Dataset entries
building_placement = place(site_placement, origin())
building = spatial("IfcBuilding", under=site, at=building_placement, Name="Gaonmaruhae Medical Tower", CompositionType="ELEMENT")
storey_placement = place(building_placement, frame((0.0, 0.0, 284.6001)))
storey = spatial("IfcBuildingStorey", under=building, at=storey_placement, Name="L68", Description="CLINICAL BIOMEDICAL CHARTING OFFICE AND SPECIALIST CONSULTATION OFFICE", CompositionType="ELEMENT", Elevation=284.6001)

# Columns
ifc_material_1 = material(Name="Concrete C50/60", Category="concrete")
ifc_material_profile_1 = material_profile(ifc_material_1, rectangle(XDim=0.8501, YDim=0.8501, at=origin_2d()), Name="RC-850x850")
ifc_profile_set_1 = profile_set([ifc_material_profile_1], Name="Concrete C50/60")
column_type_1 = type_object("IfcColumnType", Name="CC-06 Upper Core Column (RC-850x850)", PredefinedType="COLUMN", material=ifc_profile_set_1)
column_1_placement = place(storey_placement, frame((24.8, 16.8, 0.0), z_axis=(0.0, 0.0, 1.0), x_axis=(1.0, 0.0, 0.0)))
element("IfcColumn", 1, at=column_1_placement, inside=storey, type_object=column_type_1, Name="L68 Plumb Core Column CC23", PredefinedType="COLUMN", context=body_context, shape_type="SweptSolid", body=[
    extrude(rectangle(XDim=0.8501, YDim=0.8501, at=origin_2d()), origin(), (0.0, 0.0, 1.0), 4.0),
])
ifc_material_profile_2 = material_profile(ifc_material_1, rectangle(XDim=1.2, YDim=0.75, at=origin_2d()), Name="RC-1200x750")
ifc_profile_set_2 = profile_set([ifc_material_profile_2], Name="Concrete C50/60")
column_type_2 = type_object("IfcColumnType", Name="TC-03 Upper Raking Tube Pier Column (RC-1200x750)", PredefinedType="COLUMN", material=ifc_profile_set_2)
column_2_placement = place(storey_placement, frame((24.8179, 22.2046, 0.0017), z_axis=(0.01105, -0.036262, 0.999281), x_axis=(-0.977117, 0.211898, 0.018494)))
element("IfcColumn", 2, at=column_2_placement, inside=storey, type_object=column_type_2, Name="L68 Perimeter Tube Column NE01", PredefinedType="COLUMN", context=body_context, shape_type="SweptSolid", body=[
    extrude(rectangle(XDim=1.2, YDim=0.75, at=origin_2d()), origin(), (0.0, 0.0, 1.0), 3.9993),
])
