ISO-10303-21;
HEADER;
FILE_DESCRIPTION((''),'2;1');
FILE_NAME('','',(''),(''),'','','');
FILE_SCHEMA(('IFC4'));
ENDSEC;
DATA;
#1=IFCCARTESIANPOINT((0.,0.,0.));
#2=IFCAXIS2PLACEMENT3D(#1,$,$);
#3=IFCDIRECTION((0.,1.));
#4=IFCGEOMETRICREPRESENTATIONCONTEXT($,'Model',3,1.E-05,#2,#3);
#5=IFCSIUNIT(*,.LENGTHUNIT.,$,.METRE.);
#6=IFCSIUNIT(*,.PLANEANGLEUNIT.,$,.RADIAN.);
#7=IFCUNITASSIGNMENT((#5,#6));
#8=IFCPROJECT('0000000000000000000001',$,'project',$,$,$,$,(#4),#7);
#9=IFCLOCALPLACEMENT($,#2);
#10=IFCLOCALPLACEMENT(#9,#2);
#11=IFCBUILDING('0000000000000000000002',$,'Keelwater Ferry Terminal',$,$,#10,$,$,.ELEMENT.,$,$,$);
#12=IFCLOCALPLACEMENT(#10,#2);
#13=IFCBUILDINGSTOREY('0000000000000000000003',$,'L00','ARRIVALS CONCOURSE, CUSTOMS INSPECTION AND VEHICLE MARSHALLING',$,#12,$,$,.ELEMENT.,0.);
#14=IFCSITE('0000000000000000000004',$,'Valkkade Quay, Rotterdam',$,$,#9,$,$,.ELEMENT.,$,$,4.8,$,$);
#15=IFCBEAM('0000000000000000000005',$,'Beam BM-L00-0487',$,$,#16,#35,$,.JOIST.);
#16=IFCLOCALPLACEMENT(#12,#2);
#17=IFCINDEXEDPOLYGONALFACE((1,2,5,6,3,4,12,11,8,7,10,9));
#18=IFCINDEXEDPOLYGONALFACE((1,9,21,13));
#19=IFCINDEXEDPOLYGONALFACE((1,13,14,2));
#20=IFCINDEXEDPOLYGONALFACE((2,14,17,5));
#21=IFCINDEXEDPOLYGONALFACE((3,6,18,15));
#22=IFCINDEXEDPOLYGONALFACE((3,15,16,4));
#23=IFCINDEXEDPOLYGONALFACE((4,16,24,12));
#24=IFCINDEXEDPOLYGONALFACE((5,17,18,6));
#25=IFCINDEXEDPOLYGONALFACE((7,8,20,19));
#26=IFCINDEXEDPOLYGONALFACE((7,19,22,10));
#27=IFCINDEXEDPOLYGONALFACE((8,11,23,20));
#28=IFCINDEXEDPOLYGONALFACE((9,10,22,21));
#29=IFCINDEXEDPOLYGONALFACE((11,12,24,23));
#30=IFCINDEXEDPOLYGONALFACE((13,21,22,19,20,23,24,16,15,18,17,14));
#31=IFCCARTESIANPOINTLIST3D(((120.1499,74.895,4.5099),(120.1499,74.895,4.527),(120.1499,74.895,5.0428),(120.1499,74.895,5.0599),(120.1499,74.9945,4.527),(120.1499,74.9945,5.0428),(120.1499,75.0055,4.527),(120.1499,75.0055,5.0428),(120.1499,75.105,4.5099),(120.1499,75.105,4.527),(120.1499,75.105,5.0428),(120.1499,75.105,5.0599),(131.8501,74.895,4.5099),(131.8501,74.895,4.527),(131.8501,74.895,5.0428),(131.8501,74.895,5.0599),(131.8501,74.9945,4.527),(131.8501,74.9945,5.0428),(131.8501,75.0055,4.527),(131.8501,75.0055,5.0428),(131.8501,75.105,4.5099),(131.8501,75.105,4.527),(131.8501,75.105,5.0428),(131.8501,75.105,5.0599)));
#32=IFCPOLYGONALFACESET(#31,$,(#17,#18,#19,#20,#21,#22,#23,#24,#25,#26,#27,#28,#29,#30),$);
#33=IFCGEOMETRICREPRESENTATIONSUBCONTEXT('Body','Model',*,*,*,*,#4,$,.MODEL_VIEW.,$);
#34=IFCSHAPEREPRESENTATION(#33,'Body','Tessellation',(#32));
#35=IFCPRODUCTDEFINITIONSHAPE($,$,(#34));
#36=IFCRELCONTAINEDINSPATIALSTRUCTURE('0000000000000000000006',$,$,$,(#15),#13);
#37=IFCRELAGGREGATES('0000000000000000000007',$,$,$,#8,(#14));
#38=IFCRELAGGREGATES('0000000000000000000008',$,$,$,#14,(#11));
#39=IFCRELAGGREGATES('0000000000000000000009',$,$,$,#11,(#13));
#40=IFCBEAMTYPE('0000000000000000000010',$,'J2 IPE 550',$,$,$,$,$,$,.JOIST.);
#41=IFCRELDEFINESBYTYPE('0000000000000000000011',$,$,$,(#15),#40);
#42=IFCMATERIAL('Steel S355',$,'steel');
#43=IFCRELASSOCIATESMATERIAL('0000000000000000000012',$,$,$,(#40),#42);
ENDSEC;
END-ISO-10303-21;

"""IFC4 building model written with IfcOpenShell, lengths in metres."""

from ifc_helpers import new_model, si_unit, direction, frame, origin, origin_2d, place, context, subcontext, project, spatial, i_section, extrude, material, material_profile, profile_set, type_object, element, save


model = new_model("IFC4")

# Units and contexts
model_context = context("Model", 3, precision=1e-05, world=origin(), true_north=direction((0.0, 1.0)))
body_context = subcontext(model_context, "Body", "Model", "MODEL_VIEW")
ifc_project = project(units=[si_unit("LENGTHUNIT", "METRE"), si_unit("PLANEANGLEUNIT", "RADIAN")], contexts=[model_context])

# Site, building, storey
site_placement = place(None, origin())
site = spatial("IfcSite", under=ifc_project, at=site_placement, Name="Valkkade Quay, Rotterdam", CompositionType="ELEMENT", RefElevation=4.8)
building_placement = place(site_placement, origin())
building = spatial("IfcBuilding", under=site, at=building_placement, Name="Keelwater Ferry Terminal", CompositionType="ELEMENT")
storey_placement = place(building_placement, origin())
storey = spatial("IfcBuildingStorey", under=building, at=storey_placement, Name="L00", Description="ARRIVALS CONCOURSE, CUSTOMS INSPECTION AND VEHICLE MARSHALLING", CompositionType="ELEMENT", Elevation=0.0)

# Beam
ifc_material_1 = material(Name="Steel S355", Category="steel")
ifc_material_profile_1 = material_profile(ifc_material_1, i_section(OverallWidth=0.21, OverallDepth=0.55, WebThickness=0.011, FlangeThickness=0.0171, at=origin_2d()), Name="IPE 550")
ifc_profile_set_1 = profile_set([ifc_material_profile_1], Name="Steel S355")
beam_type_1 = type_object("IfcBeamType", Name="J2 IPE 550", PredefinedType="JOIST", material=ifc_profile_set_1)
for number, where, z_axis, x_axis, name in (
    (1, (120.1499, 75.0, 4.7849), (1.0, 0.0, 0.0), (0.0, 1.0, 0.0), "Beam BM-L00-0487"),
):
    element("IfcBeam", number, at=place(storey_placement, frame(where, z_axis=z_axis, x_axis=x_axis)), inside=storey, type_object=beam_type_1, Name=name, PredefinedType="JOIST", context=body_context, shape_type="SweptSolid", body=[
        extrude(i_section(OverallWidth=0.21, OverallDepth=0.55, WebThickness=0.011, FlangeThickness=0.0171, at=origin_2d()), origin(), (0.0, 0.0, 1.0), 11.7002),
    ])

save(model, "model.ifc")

— The task —
The lines above from the one with "#19=IFCINDEXEDPOLYGONALFACE((1,13,14,2));" through the one with "#34=IFCSHAPEREPRESENTATION(#33,'Body','Tessellation',(#32));" are to be duplicated exactly, ends included, with nothing added.

— Result of the task —
#19=IFCINDEXEDPOLYGONALFACE((1,13,14,2));
#20=IFCINDEXEDPOLYGONALFACE((2,14,17,5));
#21=IFCINDEXEDPOLYGONALFACE((3,6,18,15));
#22=IFCINDEXEDPOLYGONALFACE((3,15,16,4));
#23=IFCINDEXEDPOLYGONALFACE((4,16,24,12));
#24=IFCINDEXEDPOLYGONALFACE((5,17,18,6));
#25=IFCINDEXEDPOLYGONALFACE((7,8,20,19));
#26=IFCINDEXEDPOLYGONALFACE((7,19,22,10));
#27=IFCINDEXEDPOLYGONALFACE((8,11,23,20));
#28=IFCINDEXEDPOLYGONALFACE((9,10,22,21));
#29=IFCINDEXEDPOLYGONALFACE((11,12,24,23));
#30=IFCINDEXEDPOLYGONALFACE((13,21,22,19,20,23,24,16,15,18,17,14));
#31=IFCCARTESIANPOINTLIST3D(((120.1499,74.895,4.5099),(120.1499,74.895,4.527),(120.1499,74.895,5.0428),(120.1499,74.895,5.0599),(120.1499,74.9945,4.527),(120.1499,74.9945,5.0428),(120.1499,75.0055,4.527),(120.1499,75.0055,5.0428),(120.1499,75.105,4.5099),(120.1499,75.105,4.527),(120.1499,75.105,5.0428),(120.1499,75.105,5.0599),(131.8501,74.895,4.5099),(131.8501,74.895,4.527),(131.8501,74.895,5.0428),(131.8501,74.895,5.0599),(131.8501,74.9945,4.527),(131.8501,74.9945,5.0428),(131.8501,75.0055,4.527),(131.8501,75.0055,5.0428),(131.8501,75.105,4.5099),(131.8501,75.105,4.527),(131.8501,75.105,5.0428),(131.8501,75.105,5.0599)));
#32=IFCPOLYGONALFACESET(#31,$,(#17,#18,#19,#20,#21,#22,#23,#24,#25,#26,#27,#28,#29,#30),$);
#33=IFCGEOMETRICREPRESENTATIONSUBCONTEXT('Body','Model',*,*,*,*,#4,$,.MODEL_VIEW.,$);
#34=IFCSHAPEREPRESENTATION(#33,'Body','Tessellation',(#32));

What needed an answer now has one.